Scan the entries for lines with the word "IfcRelVoidsElement" and copy those lines.
- - - - - - -
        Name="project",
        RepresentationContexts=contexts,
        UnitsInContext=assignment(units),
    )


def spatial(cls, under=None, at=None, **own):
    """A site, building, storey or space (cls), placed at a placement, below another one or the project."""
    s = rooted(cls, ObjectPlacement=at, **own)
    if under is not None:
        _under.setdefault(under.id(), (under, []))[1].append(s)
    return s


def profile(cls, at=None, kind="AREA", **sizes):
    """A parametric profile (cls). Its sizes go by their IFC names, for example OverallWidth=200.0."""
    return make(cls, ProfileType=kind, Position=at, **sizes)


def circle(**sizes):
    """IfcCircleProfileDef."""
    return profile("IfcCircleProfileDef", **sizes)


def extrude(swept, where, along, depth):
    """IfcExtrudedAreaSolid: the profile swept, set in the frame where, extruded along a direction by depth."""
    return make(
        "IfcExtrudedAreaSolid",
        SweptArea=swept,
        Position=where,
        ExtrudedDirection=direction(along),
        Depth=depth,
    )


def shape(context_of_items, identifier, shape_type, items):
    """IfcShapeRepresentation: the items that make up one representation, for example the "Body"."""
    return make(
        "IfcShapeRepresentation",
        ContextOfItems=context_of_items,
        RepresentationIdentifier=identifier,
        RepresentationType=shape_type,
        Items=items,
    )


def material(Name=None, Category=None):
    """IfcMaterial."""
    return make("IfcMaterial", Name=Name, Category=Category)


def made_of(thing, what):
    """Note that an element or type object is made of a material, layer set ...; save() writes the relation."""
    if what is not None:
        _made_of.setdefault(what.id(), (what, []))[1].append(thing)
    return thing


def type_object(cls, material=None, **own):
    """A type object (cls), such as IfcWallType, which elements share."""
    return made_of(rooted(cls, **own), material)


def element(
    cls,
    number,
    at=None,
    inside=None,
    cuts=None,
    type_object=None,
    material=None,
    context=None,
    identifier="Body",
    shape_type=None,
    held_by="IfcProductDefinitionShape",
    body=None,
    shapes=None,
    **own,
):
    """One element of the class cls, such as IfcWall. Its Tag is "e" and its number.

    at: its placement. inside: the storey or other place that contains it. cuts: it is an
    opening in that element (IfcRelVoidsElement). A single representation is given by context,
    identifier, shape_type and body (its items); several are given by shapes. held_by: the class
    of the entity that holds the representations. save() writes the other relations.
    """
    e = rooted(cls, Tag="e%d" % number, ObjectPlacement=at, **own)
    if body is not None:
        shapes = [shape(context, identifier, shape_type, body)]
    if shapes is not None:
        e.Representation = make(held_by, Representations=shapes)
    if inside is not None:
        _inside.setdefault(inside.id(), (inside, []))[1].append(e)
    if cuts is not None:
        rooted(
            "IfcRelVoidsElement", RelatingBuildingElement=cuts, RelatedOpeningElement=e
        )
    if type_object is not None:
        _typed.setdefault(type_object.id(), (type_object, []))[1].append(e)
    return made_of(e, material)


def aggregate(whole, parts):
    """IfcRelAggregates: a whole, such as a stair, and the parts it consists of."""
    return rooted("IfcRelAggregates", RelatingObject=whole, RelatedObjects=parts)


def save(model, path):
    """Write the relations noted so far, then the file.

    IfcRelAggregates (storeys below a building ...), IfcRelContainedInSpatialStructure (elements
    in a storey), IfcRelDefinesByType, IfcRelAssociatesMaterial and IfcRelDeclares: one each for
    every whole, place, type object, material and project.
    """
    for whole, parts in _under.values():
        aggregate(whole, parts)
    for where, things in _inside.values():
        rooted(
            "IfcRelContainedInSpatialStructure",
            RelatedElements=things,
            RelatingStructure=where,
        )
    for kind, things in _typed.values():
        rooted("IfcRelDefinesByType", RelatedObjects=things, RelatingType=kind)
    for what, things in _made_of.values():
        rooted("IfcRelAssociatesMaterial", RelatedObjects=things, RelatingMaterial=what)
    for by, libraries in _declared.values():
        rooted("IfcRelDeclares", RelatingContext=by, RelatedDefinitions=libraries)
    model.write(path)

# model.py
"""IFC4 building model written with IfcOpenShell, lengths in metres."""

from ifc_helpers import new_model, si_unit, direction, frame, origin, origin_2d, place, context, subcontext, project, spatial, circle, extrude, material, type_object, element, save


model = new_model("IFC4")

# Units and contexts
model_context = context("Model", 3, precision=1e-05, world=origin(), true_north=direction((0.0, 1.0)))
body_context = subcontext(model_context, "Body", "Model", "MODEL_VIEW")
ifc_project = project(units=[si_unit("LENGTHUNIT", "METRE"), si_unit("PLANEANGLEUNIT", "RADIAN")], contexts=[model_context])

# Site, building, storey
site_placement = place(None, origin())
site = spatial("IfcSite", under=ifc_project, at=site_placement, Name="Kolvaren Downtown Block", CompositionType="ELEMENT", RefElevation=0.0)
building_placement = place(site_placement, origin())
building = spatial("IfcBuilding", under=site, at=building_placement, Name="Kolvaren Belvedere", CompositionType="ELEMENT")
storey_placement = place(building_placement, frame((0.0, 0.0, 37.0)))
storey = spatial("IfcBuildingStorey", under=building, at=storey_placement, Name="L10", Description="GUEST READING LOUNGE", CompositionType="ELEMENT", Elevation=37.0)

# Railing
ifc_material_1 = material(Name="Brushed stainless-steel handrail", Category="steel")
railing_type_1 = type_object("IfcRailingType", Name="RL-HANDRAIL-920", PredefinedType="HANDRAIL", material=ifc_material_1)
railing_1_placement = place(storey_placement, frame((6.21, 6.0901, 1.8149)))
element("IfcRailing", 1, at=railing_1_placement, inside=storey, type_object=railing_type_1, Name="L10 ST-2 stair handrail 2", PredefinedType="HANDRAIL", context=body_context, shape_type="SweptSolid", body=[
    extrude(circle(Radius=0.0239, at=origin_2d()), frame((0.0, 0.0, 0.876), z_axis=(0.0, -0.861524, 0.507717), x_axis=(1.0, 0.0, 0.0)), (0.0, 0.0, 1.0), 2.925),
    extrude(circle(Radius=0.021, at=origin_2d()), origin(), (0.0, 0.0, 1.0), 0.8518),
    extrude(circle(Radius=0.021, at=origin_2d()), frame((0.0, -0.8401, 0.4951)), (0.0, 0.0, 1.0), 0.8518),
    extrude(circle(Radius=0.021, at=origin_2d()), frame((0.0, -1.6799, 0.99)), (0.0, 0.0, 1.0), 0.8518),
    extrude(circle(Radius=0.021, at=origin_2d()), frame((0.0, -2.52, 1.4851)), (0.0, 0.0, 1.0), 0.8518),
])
- - - - - - -
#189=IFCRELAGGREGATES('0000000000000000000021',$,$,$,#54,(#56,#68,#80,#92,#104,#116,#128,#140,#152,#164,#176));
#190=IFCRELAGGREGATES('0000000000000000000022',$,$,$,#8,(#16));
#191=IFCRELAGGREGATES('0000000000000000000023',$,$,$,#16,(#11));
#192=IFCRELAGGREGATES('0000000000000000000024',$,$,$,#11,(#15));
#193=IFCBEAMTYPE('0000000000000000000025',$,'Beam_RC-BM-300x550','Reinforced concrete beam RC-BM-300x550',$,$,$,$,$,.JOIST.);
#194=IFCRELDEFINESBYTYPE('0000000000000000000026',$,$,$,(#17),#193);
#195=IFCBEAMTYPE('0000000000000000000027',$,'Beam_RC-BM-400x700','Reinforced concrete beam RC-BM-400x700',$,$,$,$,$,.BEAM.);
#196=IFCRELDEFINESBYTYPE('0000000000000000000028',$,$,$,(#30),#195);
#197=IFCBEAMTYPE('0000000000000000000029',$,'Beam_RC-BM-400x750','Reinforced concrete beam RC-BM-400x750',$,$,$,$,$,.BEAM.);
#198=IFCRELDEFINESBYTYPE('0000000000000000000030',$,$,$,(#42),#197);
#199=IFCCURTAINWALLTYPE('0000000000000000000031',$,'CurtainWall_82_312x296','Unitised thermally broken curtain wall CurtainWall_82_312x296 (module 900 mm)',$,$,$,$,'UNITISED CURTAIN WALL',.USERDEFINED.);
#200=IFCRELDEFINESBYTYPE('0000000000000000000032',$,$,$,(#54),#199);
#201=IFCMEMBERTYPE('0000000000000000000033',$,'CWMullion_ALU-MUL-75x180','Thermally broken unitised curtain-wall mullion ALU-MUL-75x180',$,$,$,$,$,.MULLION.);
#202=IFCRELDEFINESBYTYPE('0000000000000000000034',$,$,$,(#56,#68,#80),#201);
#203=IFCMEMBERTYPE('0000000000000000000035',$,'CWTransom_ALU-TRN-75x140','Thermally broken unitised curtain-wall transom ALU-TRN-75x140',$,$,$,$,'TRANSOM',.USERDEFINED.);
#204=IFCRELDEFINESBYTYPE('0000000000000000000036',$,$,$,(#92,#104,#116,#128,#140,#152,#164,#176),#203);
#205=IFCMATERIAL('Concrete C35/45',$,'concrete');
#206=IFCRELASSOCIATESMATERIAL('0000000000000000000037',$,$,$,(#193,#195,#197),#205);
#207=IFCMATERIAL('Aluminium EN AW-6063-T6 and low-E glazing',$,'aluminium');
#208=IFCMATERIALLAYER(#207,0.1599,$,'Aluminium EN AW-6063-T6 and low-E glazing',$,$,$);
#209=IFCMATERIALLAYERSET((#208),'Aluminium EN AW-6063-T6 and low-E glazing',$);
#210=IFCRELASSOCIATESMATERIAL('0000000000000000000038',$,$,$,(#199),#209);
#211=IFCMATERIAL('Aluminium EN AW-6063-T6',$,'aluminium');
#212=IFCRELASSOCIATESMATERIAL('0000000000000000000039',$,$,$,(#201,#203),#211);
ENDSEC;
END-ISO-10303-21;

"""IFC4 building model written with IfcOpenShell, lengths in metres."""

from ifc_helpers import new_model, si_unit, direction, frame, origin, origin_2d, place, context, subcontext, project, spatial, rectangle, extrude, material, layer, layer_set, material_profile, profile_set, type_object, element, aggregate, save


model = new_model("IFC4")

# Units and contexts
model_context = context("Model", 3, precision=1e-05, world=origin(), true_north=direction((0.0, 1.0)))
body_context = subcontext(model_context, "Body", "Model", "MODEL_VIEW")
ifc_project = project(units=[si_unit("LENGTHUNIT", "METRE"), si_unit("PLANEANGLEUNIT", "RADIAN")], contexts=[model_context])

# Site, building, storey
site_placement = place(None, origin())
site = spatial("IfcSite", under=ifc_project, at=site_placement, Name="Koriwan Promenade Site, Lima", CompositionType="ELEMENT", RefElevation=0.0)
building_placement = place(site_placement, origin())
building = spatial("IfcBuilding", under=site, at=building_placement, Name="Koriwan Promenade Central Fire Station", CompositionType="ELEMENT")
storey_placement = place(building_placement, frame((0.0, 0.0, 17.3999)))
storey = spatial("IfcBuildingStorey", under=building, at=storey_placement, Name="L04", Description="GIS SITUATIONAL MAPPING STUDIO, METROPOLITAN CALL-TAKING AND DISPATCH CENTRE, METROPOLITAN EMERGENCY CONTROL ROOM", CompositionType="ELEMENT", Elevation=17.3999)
- - - - - - -
__Exercise answer__.
    opening in that element (IfcRelVoidsElement). A single representation is given by context,
            "IfcRelVoidsElement", RelatingBuildingElement=cuts, RelatedOpeningElement=e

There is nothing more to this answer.